#### What you should do:
From the listing below, reproduce word for word the part that opens with the line containing "#163=IFCINDEXEDPOLYGONALFACE((29,33,34,30));" and closes with the line containing "#168=IFCINDEXEDPOLYGONALFACE((39,40,42,41));"; reproduce nothing else.

#### Records provided:
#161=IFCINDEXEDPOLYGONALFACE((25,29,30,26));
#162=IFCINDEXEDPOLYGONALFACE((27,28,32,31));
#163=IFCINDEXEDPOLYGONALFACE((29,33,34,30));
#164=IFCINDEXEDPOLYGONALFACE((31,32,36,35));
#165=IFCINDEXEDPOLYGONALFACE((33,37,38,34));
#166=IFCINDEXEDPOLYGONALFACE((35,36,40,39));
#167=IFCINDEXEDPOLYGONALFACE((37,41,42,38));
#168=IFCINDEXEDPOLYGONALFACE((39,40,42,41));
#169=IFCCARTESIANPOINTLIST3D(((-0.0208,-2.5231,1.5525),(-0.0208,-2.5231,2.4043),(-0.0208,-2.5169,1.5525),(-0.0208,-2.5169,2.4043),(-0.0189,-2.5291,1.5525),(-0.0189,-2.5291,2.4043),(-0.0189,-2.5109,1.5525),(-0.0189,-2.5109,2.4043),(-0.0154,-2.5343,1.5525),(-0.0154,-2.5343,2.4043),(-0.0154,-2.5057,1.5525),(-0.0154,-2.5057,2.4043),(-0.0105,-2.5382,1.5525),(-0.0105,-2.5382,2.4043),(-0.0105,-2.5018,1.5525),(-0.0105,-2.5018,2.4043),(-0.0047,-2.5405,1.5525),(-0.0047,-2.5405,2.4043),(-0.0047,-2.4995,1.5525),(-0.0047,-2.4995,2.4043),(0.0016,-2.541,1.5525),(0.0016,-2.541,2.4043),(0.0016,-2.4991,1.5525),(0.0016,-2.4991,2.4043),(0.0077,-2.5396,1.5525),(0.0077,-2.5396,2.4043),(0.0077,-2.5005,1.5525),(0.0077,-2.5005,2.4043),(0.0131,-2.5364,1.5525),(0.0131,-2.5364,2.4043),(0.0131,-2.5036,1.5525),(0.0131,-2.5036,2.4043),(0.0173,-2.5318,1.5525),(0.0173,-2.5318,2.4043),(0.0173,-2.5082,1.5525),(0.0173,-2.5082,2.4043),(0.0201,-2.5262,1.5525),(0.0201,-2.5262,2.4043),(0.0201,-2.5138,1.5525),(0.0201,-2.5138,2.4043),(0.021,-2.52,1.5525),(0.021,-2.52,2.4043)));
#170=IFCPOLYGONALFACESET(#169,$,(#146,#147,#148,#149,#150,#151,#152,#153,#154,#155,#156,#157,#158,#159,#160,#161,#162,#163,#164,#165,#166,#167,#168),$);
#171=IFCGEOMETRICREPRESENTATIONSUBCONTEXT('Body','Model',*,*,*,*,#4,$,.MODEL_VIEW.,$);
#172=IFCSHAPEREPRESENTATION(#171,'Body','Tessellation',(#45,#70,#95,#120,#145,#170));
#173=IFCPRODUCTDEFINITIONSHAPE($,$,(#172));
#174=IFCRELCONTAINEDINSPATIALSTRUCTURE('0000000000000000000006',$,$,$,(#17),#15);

#### Answer section:
#163=IFCINDEXEDPOLYGONALFACE((29,33,34,30));
#164=IFCINDEXEDPOLYGONALFACE((31,32,36,35));
#165=IFCINDEXEDPOLYGONALFACE((33,37,38,34));
#166=IFCINDEXEDPOLYGONALFACE((35,36,40,39));
#167=IFCINDEXEDPOLYGONALFACE((37,41,42,38));
#168=IFCINDEXEDPOLYGONALFACE((39,40,42,41));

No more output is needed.